* [Problem requirements] Write out again, exactly, the lines below starting at the one with "#170=IFCSHAPEREPRESENTATION(#35,'Body','Tessellation',(#169));" and ending at the one with "#195=IFCMATERIALLAYERSET((#194),'Loggia deck 450',$);".

* [Available data]

((

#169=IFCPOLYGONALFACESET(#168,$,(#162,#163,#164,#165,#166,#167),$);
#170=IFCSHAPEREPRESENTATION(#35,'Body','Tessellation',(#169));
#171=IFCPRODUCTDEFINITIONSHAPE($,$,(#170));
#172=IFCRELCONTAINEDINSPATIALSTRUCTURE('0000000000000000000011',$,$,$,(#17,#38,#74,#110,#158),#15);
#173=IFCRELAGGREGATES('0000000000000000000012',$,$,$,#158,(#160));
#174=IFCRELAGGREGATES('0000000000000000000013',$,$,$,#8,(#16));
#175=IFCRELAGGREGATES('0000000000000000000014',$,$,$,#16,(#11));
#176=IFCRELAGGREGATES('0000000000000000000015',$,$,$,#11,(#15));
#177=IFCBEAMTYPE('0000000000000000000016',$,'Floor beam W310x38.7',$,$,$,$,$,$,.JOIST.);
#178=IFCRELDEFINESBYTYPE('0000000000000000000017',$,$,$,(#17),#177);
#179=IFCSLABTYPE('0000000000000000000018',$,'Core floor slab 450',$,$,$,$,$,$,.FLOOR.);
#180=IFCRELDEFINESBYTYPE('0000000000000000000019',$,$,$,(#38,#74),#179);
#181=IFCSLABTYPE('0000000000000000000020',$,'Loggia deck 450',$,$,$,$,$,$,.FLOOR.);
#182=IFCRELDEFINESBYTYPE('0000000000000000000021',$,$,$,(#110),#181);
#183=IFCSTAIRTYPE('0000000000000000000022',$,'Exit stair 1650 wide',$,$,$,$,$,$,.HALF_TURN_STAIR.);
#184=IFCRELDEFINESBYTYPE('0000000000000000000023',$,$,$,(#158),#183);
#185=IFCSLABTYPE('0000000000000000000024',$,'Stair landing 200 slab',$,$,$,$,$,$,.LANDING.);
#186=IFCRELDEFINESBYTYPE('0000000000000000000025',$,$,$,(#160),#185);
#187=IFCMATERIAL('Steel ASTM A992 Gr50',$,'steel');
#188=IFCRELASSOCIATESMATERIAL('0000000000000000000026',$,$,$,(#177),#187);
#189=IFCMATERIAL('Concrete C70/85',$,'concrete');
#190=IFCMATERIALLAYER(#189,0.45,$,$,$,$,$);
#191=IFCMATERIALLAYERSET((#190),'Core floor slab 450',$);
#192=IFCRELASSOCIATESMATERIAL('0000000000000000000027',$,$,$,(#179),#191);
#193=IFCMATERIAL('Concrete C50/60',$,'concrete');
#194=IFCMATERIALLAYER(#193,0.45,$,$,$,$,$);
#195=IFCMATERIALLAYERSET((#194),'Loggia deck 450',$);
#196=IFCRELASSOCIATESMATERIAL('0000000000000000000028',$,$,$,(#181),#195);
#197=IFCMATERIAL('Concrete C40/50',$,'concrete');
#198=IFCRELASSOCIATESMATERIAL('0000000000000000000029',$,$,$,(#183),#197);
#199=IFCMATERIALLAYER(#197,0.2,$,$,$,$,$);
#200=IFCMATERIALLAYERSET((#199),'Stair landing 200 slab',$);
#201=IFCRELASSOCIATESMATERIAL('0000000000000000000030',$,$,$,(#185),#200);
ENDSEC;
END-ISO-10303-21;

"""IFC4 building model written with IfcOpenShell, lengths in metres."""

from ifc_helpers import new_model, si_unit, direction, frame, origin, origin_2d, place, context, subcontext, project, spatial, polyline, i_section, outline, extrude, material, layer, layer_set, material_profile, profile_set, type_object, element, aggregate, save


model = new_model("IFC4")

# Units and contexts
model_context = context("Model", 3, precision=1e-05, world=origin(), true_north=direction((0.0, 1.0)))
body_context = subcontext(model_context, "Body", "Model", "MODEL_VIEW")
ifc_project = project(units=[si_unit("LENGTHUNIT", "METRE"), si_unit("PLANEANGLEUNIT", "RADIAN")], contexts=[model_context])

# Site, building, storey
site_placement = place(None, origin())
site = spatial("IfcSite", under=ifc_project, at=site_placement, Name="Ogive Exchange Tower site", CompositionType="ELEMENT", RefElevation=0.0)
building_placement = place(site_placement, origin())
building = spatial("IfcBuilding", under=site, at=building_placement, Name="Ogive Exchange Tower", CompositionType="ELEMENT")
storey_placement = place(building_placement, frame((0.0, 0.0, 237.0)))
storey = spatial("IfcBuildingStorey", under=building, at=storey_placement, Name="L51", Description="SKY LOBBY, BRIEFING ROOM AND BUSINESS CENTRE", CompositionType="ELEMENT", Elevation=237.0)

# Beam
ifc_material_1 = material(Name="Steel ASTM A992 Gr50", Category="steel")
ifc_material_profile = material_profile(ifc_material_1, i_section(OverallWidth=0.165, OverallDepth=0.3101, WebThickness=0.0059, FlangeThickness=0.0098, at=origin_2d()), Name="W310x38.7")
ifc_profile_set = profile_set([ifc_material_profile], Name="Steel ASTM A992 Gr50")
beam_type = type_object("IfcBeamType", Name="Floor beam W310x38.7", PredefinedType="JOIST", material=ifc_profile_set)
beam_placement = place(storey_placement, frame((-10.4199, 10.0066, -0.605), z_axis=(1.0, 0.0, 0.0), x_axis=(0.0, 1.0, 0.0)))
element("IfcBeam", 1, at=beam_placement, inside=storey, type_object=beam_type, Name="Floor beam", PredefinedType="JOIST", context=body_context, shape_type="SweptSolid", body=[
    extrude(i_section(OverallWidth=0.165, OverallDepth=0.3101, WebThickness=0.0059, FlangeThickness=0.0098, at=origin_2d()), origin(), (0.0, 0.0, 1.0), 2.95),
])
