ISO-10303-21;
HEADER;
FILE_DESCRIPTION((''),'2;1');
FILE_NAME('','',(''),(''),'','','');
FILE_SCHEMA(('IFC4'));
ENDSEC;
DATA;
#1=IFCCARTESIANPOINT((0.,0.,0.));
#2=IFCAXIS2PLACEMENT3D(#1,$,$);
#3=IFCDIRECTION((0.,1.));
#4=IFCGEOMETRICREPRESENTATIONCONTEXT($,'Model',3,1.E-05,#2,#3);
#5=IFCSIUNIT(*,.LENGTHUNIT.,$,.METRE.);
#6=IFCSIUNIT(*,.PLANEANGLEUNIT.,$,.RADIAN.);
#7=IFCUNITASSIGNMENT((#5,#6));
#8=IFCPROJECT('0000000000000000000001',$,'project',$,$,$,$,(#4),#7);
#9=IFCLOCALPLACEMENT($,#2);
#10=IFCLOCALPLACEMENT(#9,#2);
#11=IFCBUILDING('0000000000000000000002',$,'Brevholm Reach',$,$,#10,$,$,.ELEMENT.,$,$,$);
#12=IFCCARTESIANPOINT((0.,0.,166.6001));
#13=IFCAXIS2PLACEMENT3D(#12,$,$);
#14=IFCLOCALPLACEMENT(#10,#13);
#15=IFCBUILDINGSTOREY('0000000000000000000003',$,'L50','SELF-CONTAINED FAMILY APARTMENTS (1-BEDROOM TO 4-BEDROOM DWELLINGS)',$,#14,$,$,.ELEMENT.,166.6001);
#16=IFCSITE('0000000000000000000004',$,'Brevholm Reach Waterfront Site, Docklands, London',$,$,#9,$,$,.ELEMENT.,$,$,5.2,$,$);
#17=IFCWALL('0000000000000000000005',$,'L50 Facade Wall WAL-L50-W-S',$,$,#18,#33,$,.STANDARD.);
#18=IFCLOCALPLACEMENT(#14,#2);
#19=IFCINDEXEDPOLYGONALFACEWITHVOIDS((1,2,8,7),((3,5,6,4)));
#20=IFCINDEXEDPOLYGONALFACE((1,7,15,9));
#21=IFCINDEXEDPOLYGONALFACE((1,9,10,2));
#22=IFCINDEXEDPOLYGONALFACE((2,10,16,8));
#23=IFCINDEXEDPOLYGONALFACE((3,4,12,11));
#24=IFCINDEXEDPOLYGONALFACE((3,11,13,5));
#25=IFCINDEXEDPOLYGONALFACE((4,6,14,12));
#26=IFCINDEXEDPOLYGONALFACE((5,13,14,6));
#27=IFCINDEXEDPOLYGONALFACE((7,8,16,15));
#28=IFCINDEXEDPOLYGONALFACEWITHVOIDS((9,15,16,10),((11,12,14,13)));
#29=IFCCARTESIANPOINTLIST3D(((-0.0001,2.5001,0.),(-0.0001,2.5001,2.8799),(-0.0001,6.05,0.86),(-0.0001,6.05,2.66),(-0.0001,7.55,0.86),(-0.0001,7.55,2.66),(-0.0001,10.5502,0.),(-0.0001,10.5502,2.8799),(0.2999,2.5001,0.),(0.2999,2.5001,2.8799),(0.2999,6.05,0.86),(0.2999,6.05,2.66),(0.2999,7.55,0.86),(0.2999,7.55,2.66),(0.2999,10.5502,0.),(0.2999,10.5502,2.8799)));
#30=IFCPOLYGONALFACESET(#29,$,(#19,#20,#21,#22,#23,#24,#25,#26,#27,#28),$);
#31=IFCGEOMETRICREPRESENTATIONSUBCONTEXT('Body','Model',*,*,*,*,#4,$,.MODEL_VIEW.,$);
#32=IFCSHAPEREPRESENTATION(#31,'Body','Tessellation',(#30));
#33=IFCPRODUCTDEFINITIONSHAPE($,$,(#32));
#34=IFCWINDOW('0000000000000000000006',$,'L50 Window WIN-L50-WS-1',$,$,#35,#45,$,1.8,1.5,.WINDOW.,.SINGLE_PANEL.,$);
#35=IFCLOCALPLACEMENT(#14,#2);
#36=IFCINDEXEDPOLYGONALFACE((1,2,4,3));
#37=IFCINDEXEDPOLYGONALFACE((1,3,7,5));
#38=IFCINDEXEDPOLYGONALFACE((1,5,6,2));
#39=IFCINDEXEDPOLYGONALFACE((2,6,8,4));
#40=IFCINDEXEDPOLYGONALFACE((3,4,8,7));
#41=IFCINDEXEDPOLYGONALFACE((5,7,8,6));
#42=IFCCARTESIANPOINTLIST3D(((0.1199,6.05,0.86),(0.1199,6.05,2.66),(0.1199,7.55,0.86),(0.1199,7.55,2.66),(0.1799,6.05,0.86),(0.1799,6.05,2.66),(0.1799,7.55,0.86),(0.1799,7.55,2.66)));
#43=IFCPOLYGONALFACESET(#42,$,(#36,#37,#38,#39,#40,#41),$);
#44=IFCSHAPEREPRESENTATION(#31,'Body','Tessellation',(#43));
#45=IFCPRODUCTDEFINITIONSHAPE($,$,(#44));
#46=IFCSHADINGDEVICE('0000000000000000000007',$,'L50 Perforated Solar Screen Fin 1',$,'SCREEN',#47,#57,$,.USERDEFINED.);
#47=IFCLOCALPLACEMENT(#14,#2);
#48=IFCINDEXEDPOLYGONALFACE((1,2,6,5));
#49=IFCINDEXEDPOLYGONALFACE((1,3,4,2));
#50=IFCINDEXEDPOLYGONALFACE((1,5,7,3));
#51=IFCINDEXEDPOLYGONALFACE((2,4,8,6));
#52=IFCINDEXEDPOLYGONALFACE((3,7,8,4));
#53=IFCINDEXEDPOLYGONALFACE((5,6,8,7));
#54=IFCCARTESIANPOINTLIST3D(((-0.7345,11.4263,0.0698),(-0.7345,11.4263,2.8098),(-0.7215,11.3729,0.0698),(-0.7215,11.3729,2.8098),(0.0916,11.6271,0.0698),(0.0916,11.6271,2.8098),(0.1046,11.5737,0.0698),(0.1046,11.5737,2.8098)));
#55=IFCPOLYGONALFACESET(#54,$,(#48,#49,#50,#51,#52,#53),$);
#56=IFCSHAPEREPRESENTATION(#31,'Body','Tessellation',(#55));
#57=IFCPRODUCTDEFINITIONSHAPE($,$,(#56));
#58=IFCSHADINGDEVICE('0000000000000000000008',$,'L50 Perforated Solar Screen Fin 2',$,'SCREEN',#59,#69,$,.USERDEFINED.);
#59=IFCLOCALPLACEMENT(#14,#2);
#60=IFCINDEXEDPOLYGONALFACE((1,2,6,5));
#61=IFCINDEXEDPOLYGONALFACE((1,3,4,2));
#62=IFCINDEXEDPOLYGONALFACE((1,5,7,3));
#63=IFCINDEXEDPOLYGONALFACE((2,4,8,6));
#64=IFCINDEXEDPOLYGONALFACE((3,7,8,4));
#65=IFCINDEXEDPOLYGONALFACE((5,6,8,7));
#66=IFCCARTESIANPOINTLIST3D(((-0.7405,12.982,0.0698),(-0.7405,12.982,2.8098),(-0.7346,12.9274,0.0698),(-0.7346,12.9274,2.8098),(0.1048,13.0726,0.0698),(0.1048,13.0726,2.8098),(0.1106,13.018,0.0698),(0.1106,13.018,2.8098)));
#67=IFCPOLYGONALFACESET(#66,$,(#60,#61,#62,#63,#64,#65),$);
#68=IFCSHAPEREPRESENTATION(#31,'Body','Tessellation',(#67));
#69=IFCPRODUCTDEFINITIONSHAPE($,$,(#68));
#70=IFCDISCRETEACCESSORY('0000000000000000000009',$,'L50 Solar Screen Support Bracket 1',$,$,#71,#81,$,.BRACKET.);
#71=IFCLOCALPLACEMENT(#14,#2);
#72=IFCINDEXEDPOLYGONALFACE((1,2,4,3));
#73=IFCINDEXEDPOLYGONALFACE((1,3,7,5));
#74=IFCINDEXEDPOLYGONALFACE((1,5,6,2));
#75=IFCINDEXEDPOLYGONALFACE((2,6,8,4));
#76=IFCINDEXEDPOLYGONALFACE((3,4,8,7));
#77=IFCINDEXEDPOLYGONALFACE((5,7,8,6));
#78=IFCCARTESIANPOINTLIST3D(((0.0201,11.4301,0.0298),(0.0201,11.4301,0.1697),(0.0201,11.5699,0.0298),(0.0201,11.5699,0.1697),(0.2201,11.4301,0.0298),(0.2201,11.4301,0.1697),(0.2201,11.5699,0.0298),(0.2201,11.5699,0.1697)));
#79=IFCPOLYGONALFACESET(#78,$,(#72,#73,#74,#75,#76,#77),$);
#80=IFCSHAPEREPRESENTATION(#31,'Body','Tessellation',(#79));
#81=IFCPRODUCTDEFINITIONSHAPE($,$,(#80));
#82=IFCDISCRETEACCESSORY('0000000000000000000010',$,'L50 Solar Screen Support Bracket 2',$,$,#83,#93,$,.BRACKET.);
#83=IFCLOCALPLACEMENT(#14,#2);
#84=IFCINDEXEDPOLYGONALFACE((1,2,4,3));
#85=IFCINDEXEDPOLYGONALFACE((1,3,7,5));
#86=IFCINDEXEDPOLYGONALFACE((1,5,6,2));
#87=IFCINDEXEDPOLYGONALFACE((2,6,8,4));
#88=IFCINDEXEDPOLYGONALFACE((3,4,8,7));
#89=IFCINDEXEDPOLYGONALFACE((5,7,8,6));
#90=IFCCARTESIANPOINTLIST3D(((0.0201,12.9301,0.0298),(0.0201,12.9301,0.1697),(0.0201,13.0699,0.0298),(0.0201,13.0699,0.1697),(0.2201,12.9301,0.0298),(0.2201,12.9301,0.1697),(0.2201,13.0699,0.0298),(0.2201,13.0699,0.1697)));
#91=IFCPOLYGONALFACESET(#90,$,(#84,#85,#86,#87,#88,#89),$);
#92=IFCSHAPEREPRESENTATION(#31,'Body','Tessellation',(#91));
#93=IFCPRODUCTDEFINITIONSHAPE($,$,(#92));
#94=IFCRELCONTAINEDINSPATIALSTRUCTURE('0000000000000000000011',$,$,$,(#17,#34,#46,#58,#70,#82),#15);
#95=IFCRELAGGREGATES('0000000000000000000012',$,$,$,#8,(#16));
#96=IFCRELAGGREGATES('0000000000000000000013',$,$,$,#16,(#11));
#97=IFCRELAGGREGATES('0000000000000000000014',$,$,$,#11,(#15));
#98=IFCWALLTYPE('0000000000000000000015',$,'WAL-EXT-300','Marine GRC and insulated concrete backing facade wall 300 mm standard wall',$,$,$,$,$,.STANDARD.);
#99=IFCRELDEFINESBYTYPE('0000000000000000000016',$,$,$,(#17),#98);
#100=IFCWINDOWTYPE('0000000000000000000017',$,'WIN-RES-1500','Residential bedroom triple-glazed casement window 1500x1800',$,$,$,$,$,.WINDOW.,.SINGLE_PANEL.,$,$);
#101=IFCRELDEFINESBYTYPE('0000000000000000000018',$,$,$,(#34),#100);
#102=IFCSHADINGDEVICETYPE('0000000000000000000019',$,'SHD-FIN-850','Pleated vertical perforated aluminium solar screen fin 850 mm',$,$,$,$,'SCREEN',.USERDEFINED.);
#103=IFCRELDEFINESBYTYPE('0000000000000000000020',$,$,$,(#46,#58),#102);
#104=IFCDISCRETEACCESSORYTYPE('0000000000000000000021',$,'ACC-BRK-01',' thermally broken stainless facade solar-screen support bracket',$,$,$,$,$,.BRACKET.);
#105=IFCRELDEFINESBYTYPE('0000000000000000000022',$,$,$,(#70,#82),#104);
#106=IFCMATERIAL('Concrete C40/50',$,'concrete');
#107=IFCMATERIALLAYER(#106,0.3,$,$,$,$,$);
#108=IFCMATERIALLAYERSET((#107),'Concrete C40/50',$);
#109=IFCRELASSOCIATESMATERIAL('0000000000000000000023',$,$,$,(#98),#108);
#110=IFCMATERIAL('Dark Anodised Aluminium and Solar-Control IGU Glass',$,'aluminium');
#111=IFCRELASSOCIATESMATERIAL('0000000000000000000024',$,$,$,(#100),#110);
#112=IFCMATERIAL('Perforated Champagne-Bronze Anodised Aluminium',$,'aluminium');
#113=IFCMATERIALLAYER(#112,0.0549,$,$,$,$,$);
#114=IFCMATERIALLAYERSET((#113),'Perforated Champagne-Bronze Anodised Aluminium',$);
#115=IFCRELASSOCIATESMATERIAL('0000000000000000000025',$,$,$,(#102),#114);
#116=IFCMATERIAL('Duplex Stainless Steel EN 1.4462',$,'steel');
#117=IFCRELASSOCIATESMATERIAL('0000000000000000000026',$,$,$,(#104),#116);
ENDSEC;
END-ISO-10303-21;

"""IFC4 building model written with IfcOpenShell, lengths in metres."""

from ifc_helpers import new_model, si_unit, direction, frame, frame_2d, origin, origin_2d, place, context, subcontext, project, spatial, rectangle, extrude, material, layer, layer_set, type_object, element, fill, save


model = new_model("IFC4")

# Units and contexts
model_context = context("Model", 3, precision=1e-05, world=origin(), true_north=direction((0.0, 1.0)))
body_context = subcontext(model_context, "Body", "Model", "MODEL_VIEW")
ifc_project = project(units=[si_unit("LENGTHUNIT", "METRE"), si_unit("PLANEANGLEUNIT", "RADIAN")], contexts=[model_context])

# Site, building, storey
site_placement = place(None, origin())
site = spatial("IfcSite", under=ifc_project, at=site_placement, Name="Brevholm Reach Waterfront Site, Docklands, London", CompositionType="ELEMENT", RefElevation=5.2)
building_placement = place(site_placement, origin())
building = spatial("IfcBuilding", under=site, at=building_placement, Name="Brevholm Reach", CompositionType="ELEMENT")
storey_placement = place(building_placement, frame((0.0, 0.0, 166.6001)))
storey = spatial("IfcBuildingStorey", under=building, at=storey_placement, Name="L50", Description="SELF-CONTAINED FAMILY APARTMENTS (1-BEDROOM TO 4-BEDROOM DWELLINGS)", CompositionType="ELEMENT", Elevation=166.6001)

# Wall, opening, window
ifc_material_1 = material(Name="Concrete C40/50", Category="concrete")
ifc_layer_1 = layer(ifc_material_1, 0.3)
ifc_layer_set_1 = layer_set([ifc_layer_1], Name="Concrete C40/50")
wall_type = type_object("IfcWallType", Name="WAL-EXT-300", Description="Marine GRC and insulated concrete backing facade wall 300 mm standard wall", PredefinedType="STANDARD", material=ifc_layer_set_1)
wall_placement = place(storey_placement, frame((0.1499, 10.55, 0.0), z_axis=(0.0, 0.0, 1.0), x_axis=(0.0, -1.0, 0.0)))
wall = element("IfcWall", 1, at=wall_placement, inside=storey, type_object=wall_type, Name="L50 Facade Wall WAL-L50-W-S", PredefinedType="STANDARD", context=body_context, shape_type="SweptSolid", body=[
    extrude(rectangle(XDim=8.05, YDim=0.3, at=frame_2d((4.0249, 0.0))), origin(), (0.0, 0.0, 1.0), 2.8799),
])
opening_placement = place(wall_placement, frame((3.0, 0.0, 0.8601)))
opening = element("IfcOpeningElement", 2, at=opening_placement, cuts=wall, PredefinedType="OPENING", context=body_context, shape_type="SweptSolid", body=[
    extrude(rectangle(XDim=1.5, YDim=1.8, at=frame_2d((0.75, 0.8999))), frame((0.0, 0.1599, 0.0), z_axis=(0.0, -1.0, 0.0), x_axis=(1.0, 0.0, 0.0)), (0.0, 0.0, 1.0), 0.3201),
])
ifc_material_2 = material(Name="Dark Anodised Aluminium and Solar-Control IGU Glass", Category="aluminium")
window_type = type_object("IfcWindowType", Name="WIN-RES-1500", Description="Residential bedroom triple-glazed casement window 1500x1800", PartitioningType="SINGLE_PANEL", PredefinedType="WINDOW", material=ifc_material_2)
window_placement = place(opening_placement, origin())
window = element("IfcWindow", 3, at=window_placement, inside=storey, type_object=window_type, Name="L50 Window WIN-L50-WS-1", OverallHeight=1.8, OverallWidth=1.5, PartitioningType="SINGLE_PANEL", PredefinedType="WINDOW", context=body_context, shape_type="SweptSolid", body=[
    extrude(rectangle(XDim=1.5, YDim=1.8, at=frame_2d((0.75, 0.8999))), frame((0.0, 0.03, 0.0), z_axis=(0.0, -1.0, 0.0), x_axis=(1.0, 0.0, 0.0)), (0.0, 0.0, 1.0), 0.0601),
])
fill(opening, window)

# Shading devices
ifc_material_3 = material(Name="Perforated Champagne-Bronze Anodised Aluminium", Category="aluminium")
ifc_layer_2 = layer(ifc_material_3, 0.0549)
ifc_layer_set_2 = layer_set([ifc_layer_2], Name="Perforated Champagne-Bronze Anodised Aluminium")
shading_device_type = type_object("IfcShadingDeviceType", Name="SHD-FIN-850", Description="Pleated vertical perforated aluminium solar screen fin 850 mm", ElementType="SCREEN", PredefinedType="USERDEFINED", material=ifc_layer_set_2)
for number, where, z_axis, x_axis, name in (
    (4, (-0.3149, 11.5, 0.0698), (0.0, 0.0, 1.0), (-0.971718, -0.236143, 0.0), "L50 Perforated Solar Screen Fin 1"),
    (5, (-0.3149, 13.0, 0.0698), (0.0, 0.0, 1.0), (-0.994312, -0.106507, 0.0), "L50 Perforated Solar Screen Fin 2"),
):
    element("IfcShadingDevice", number, at=place(storey_placement, frame(where, z_axis=z_axis, x_axis=x_axis)), inside=storey, type_object=shading_device_type, Name=name, ObjectType="SCREEN", PredefinedType="USERDEFINED", context=body_context, shape_type="SweptSolid", body=[
        extrude(rectangle(XDim=0.8501, YDim=0.0549, at=origin_2d()), origin(), (0.0, 0.0, 1.0), 2.74),
    ])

))

* [Written solution]
#170=IFCSHAPEREPRESENTATION(#35,'Body','Tessellation',(#169));
#171=IFCPRODUCTDEFINITIONSHAPE($,$,(#170));
#172=IFCRELCONTAINEDINSPATIALSTRUCTURE('0000000000000000000011',$,$,$,(#17,#38,#74,#110,#158),#15);
#173=IFCRELAGGREGATES('0000000000000000000012',$,$,$,#158,(#160));
#174=IFCRELAGGREGATES('0000000000000000000013',$,$,$,#8,(#16));
#175=IFCRELAGGREGATES('0000000000000000000014',$,$,$,#16,(#11));
#176=IFCRELAGGREGATES('0000000000000000000015',$,$,$,#11,(#15));
#177=IFCBEAMTYPE('0000000000000000000016',$,'Floor beam W310x38.7',$,$,$,$,$,$,.JOIST.);
#178=IFCRELDEFINESBYTYPE('0000000000000000000017',$,$,$,(#17),#177);
#179=IFCSLABTYPE('0000000000000000000018',$,'Core floor slab 450',$,$,$,$,$,$,.FLOOR.);
#180=IFCRELDEFINESBYTYPE('0000000000000000000019',$,$,$,(#38,#74),#179);
#181=IFCSLABTYPE('0000000000000000000020',$,'Loggia deck 450',$,$,$,$,$,$,.FLOOR.);
#182=IFCRELDEFINESBYTYPE('0000000000000000000021',$,$,$,(#110),#181);
#183=IFCSTAIRTYPE('0000000000000000000022',$,'Exit stair 1650 wide',$,$,$,$,$,$,.HALF_TURN_STAIR.);
#184=IFCRELDEFINESBYTYPE('0000000000000000000023',$,$,$,(#158),#183);
#185=IFCSLABTYPE('0000000000000000000024',$,'Stair landing 200 slab',$,$,$,$,$,$,.LANDING.);
#186=IFCRELDEFINESBYTYPE('0000000000000000000025',$,$,$,(#160),#185);
#187=IFCMATERIAL('Steel ASTM A992 Gr50',$,'steel');
#188=IFCRELASSOCIATESMATERIAL('0000000000000000000026',$,$,$,(#177),#187);
#189=IFCMATERIAL('Concrete C70/85',$,'concrete');
#190=IFCMATERIALLAYER(#189,0.45,$,$,$,$,$);
#191=IFCMATERIALLAYERSET((#190),'Core floor slab 450',$);
#192=IFCRELASSOCIATESMATERIAL('0000000000000000000027',$,$,$,(#179),#191);
#193=IFCMATERIAL('Concrete C50/60',$,'concrete');
#194=IFCMATERIALLAYER(#193,0.45,$,$,$,$,$);
#195=IFCMATERIALLAYERSET((#194),'Loggia deck 450',$);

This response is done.